[Stored data entries]
==========
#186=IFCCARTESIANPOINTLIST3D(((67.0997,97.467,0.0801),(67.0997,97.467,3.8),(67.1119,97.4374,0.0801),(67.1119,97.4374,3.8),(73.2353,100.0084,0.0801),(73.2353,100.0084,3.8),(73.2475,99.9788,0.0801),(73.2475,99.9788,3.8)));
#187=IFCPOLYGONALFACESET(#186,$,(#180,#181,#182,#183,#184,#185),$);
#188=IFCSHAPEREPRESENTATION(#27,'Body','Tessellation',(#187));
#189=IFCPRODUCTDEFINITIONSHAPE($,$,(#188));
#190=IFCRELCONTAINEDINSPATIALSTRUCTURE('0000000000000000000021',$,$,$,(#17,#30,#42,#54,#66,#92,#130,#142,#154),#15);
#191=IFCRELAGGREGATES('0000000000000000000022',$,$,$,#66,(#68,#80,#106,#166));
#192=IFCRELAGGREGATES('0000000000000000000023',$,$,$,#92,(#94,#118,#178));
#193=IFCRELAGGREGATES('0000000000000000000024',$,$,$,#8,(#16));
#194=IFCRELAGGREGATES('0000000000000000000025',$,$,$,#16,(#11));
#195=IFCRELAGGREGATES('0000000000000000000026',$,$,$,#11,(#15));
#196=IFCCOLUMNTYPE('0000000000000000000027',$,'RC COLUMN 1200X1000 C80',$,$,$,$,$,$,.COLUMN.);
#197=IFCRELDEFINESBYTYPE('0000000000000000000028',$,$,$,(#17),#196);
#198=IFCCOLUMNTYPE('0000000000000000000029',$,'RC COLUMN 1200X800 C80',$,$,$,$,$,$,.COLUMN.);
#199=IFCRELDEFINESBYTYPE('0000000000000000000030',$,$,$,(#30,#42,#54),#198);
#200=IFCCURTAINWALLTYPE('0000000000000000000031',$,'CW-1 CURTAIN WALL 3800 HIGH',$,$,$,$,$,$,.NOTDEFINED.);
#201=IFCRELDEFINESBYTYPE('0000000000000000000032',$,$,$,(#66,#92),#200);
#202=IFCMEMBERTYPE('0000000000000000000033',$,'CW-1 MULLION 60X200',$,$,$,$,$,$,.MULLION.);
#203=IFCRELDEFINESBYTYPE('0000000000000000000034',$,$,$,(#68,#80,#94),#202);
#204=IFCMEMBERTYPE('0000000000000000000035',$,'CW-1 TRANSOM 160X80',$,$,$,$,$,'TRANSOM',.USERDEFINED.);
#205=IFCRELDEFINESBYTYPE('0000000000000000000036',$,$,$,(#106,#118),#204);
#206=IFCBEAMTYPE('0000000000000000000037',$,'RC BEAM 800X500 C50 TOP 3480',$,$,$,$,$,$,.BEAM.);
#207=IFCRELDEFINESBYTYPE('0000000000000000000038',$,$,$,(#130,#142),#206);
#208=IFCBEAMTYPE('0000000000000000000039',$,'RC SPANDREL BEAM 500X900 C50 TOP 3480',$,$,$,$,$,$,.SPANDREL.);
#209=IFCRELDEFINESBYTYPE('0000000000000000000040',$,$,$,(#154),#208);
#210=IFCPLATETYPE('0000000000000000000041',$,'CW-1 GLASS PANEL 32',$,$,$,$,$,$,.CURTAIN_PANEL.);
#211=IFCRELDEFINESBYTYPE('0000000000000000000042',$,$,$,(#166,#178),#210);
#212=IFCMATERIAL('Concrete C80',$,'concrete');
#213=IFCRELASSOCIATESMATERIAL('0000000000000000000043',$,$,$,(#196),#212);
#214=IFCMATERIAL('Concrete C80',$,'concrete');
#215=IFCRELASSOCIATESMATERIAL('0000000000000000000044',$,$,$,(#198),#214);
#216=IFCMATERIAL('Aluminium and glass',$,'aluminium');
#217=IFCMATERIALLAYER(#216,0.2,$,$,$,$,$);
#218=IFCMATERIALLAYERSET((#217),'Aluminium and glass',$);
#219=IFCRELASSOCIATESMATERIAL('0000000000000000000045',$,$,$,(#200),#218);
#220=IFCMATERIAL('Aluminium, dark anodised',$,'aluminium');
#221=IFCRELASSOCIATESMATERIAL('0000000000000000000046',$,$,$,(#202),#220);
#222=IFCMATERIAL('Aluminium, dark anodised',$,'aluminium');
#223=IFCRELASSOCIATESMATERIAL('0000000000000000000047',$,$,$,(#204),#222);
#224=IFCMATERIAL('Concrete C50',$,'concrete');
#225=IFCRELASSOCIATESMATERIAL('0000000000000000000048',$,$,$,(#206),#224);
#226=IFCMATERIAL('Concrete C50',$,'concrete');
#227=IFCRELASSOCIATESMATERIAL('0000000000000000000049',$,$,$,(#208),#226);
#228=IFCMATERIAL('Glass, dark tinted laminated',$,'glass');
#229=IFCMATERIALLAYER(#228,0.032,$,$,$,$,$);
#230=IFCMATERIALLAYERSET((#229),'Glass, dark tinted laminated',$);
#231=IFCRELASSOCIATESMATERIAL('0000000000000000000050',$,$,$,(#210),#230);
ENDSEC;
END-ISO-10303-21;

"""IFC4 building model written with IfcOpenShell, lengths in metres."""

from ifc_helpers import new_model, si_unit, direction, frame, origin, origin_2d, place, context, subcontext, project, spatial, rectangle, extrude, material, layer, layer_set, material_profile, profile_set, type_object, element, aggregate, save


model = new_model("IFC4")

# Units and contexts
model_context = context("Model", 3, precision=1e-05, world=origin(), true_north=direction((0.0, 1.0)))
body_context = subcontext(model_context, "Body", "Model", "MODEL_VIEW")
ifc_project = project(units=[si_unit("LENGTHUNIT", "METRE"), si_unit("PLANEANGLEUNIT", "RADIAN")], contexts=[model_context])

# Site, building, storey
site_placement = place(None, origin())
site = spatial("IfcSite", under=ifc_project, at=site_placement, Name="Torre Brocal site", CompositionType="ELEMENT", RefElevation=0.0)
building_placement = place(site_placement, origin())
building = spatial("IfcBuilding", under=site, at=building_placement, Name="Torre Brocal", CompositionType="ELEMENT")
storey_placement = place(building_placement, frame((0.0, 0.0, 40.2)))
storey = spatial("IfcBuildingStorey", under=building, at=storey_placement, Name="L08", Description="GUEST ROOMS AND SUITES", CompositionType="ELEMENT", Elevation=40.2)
==========
#### TASK TO COMPLETE:
Word for word, restate all of the records.

#### PROBLEM SOLUTION:
#186=IFCCARTESIANPOINTLIST3D(((67.0997,97.467,0.0801),(67.0997,97.467,3.8),(67.1119,97.4374,0.0801),(67.1119,97.4374,3.8),(73.2353,100.0084,0.0801),(73.2353,100.0084,3.8),(73.2475,99.9788,0.0801),(73.2475,99.9788,3.8)));
#187=IFCPOLYGONALFACESET(#186,$,(#180,#181,#182,#183,#184,#185),$);
#188=IFCSHAPEREPRESENTATION(#27,'Body','Tessellation',(#187));
#189=IFCPRODUCTDEFINITIONSHAPE($,$,(#188));
#190=IFCRELCONTAINEDINSPATIALSTRUCTURE('0000000000000000000021',$,$,$,(#17,#30,#42,#54,#66,#92,#130,#142,#154),#15);
#191=IFCRELAGGREGATES('0000000000000000000022',$,$,$,#66,(#68,#80,#106,#166));
#192=IFCRELAGGREGATES('0000000000000000000023',$,$,$,#92,(#94,#118,#178));
#193=IFCRELAGGREGATES('0000000000000000000024',$,$,$,#8,(#16));
#194=IFCRELAGGREGATES('0000000000000000000025',$,$,$,#16,(#11));
#195=IFCRELAGGREGATES('0000000000000000000026',$,$,$,#11,(#15));
#196=IFCCOLUMNTYPE('0000000000000000000027',$,'RC COLUMN 1200X1000 C80',$,$,$,$,$,$,.COLUMN.);
#197=IFCRELDEFINESBYTYPE('0000000000000000000028',$,$,$,(#17),#196);
#198=IFCCOLUMNTYPE('0000000000000000000029',$,'RC COLUMN 1200X800 C80',$,$,$,$,$,$,.COLUMN.);
#199=IFCRELDEFINESBYTYPE('0000000000000000000030',$,$,$,(#30,#42,#54),#198);
#200=IFCCURTAINWALLTYPE('0000000000000000000031',$,'CW-1 CURTAIN WALL 3800 HIGH',$,$,$,$,$,$,.NOTDEFINED.);
#201=IFCRELDEFINESBYTYPE('0000000000000000000032',$,$,$,(#66,#92),#200);
#202=IFCMEMBERTYPE('0000000000000000000033',$,'CW-1 MULLION 60X200',$,$,$,$,$,$,.MULLION.);
#203=IFCRELDEFINESBYTYPE('0000000000000000000034',$,$,$,(#68,#80,#94),#202);
#204=IFCMEMBERTYPE('0000000000000000000035',$,'CW-1 TRANSOM 160X80',$,$,$,$,$,'TRANSOM',.USERDEFINED.);
#205=IFCRELDEFINESBYTYPE('0000000000000000000036',$,$,$,(#106,#118),#204);
#206=IFCBEAMTYPE('0000000000000000000037',$,'RC BEAM 800X500 C50 TOP 3480',$,$,$,$,$,$,.BEAM.);
#207=IFCRELDEFINESBYTYPE('0000000000000000000038',$,$,$,(#130,#142),#206);
#208=IFCBEAMTYPE('0000000000000000000039',$,'RC SPANDREL BEAM 500X900 C50 TOP 3480',$,$,$,$,$,$,.SPANDREL.);
#209=IFCRELDEFINESBYTYPE('0000000000000000000040',$,$,$,(#154),#208);
#210=IFCPLATETYPE('0000000000000000000041',$,'CW-1 GLASS PANEL 32',$,$,$,$,$,$,.CURTAIN_PANEL.);
#211=IFCRELDEFINESBYTYPE('0000000000000000000042',$,$,$,(#166,#178),#210);
#212=IFCMATERIAL('Concrete C80',$,'concrete');
#213=IFCRELASSOCIATESMATERIAL('0000000000000000000043',$,$,$,(#196),#212);
#214=IFCMATERIAL('Concrete C80',$,'concrete');
#215=IFCRELASSOCIATESMATERIAL('0000000000000000000044',$,$,$,(#198),#214);
#216=IFCMATERIAL('Aluminium and glass',$,'aluminium');
#217=IFCMATERIALLAYER(#216,0.2,$,$,$,$,$);
#218=IFCMATERIALLAYERSET((#217),'Aluminium and glass',$);
#219=IFCRELASSOCIATESMATERIAL('0000000000000000000045',$,$,$,(#200),#218);
#220=IFCMATERIAL('Aluminium, dark anodised',$,'aluminium');
#221=IFCRELASSOCIATESMATERIAL('0000000000000000000046',$,$,$,(#202),#220);
#222=IFCMATERIAL('Aluminium, dark anodised',$,'aluminium');
#223=IFCRELASSOCIATESMATERIAL('0000000000000000000047',$,$,$,(#204),#222);
#224=IFCMATERIAL('Concrete C50',$,'concrete');
#225=IFCRELASSOCIATESMATERIAL('0000000000000000000048',$,$,$,(#206),#224);
#226=IFCMATERIAL('Concrete C50',$,'concrete');
#227=IFCRELASSOCIATESMATERIAL('0000000000000000000049',$,$,$,(#208),#226);
#228=IFCMATERIAL('Glass, dark tinted laminated',$,'glass');
#229=IFCMATERIALLAYER(#228,0.032,$,$,$,$,$);
#230=IFCMATERIALLAYERSET((#229),'Glass, dark tinted laminated',$);
#231=IFCRELASSOCIATESMATERIAL('0000000000000000000050',$,$,$,(#210),#230);
ENDSEC;
END-ISO-10303-21;

"""IFC4 building model written with IfcOpenShell, lengths in metres."""

from ifc_helpers import new_model, si_unit, direction, frame, origin, origin_2d, place, context, subcontext, project, spatial, rectangle, extrude, material, layer, layer_set, material_profile, profile_set, type_object, element, aggregate, save


model = new_model("IFC4")

# Units and contexts
model_context = context("Model", 3, precision=1e-05, world=origin(), true_north=direction((0.0, 1.0)))
body_context = subcontext(model_context, "Body", "Model", "MODEL_VIEW")
ifc_project = project(units=[si_unit("LENGTHUNIT", "METRE"), si_unit("PLANEANGLEUNIT", "RADIAN")], contexts=[model_context])

# Site, building, storey
site_placement = place(None, origin())
site = spatial("IfcSite", under=ifc_project, at=site_placement, Name="Torre Brocal site", CompositionType="ELEMENT", RefElevation=0.0)
building_placement = place(site_placement, origin())
building = spatial("IfcBuilding", under=site, at=building_placement, Name="Torre Brocal", CompositionType="ELEMENT")
storey_placement = place(building_placement, frame((0.0, 0.0, 40.2)))
storey = spatial("IfcBuildingStorey", under=building, at=storey_placement, Name="L08", Description="GUEST ROOMS AND SUITES", CompositionType="ELEMENT", Elevation=40.2)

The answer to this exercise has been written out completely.